**Exercise brief**
This task calls for copying every line of the records that includes the word "Prism".
(Given records Opens)
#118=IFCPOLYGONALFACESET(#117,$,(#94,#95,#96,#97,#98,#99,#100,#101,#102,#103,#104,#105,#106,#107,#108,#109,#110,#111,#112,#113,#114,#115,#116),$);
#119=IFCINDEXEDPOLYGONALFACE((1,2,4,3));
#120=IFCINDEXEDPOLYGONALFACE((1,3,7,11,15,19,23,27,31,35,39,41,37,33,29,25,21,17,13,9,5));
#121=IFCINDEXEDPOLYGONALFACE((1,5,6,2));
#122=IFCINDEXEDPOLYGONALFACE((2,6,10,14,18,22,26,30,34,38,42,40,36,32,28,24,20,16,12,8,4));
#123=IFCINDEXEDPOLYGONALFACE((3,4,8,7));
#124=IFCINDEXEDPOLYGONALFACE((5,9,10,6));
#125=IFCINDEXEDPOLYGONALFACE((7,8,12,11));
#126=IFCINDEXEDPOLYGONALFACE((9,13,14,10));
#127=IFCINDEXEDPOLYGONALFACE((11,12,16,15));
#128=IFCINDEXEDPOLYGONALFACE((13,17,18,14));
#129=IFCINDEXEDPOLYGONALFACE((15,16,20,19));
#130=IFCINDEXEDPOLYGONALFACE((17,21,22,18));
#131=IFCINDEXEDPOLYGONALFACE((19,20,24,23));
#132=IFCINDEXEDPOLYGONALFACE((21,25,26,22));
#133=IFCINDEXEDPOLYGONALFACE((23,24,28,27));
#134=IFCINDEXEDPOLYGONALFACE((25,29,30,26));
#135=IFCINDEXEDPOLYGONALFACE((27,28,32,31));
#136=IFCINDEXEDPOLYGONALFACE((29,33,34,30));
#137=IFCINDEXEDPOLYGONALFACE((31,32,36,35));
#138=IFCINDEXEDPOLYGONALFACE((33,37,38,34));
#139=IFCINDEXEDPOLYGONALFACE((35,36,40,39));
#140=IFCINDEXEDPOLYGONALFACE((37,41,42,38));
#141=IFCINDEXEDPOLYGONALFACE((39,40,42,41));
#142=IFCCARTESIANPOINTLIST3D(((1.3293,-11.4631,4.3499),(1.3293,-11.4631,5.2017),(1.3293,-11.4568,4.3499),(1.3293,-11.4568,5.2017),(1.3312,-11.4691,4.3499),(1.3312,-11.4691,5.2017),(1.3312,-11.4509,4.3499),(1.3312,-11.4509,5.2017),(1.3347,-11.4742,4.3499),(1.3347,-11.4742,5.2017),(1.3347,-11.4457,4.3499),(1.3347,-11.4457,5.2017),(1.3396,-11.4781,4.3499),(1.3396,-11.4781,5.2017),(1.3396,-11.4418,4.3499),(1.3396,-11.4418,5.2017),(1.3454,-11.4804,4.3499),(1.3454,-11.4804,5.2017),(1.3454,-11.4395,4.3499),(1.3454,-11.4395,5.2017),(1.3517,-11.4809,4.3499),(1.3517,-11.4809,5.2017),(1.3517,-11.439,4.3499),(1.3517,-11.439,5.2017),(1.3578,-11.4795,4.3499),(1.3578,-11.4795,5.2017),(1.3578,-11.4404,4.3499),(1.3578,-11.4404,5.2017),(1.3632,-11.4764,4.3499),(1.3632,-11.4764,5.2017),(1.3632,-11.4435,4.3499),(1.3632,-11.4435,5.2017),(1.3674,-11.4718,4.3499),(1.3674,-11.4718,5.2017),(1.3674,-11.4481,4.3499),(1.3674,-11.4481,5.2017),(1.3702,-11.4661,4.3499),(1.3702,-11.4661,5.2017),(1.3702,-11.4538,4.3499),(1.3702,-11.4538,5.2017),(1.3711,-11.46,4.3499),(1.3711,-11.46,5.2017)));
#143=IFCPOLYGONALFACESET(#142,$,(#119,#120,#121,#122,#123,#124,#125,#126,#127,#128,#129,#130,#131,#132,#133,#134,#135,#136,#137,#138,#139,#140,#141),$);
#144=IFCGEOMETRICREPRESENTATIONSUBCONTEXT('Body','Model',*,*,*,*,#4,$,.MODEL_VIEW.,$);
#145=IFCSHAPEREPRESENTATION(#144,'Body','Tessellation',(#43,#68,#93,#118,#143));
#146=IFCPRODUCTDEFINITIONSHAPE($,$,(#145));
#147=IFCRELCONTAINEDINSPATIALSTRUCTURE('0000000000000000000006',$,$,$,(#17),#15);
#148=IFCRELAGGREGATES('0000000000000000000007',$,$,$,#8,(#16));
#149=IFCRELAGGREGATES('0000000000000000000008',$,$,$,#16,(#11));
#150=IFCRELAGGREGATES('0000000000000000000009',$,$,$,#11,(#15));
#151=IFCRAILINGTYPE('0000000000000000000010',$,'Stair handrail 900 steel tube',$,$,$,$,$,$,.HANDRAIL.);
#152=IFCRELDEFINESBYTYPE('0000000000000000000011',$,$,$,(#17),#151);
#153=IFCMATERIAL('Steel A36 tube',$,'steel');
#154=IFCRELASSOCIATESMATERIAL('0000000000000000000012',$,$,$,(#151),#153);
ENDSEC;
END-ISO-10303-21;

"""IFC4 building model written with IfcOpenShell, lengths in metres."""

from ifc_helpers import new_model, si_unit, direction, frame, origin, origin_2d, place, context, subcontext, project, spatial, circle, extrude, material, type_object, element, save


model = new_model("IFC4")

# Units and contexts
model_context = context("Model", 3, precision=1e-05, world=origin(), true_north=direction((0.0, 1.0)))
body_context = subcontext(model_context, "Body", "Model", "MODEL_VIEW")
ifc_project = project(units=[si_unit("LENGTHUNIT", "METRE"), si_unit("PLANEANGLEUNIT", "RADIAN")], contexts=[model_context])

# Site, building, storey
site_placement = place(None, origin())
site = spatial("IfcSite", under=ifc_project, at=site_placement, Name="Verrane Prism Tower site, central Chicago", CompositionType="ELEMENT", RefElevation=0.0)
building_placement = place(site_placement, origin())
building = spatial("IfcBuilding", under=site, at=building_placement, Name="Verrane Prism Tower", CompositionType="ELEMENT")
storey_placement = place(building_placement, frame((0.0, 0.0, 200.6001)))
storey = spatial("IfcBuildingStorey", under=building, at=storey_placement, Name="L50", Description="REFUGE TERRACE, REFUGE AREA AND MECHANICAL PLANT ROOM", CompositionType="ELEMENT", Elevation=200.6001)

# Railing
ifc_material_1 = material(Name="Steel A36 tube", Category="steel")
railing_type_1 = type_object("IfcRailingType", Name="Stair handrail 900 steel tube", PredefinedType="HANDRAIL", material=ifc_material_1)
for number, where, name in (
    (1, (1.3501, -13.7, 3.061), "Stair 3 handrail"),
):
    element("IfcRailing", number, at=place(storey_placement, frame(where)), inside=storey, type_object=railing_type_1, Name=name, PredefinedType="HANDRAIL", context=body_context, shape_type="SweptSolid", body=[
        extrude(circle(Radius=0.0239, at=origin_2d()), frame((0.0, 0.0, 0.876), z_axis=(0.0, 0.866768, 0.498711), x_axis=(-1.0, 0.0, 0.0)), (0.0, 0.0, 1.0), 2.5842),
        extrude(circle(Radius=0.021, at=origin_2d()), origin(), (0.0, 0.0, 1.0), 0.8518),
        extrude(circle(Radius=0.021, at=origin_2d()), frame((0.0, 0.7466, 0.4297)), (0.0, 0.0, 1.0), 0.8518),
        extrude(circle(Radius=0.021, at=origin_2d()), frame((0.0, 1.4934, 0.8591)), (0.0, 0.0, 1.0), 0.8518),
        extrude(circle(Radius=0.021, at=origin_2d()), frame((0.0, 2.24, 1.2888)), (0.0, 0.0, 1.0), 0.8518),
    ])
(Given records Closes)
**Solved exercise**
site = spatial("IfcSite", under=ifc_project, at=site_placement, Name="Verrane Prism Tower site, central Chicago", CompositionType="ELEMENT", RefElevation=0.0)
building = spatial("IfcBuilding", under=site, at=building_placement, Name="Verrane Prism Tower", CompositionType="ELEMENT")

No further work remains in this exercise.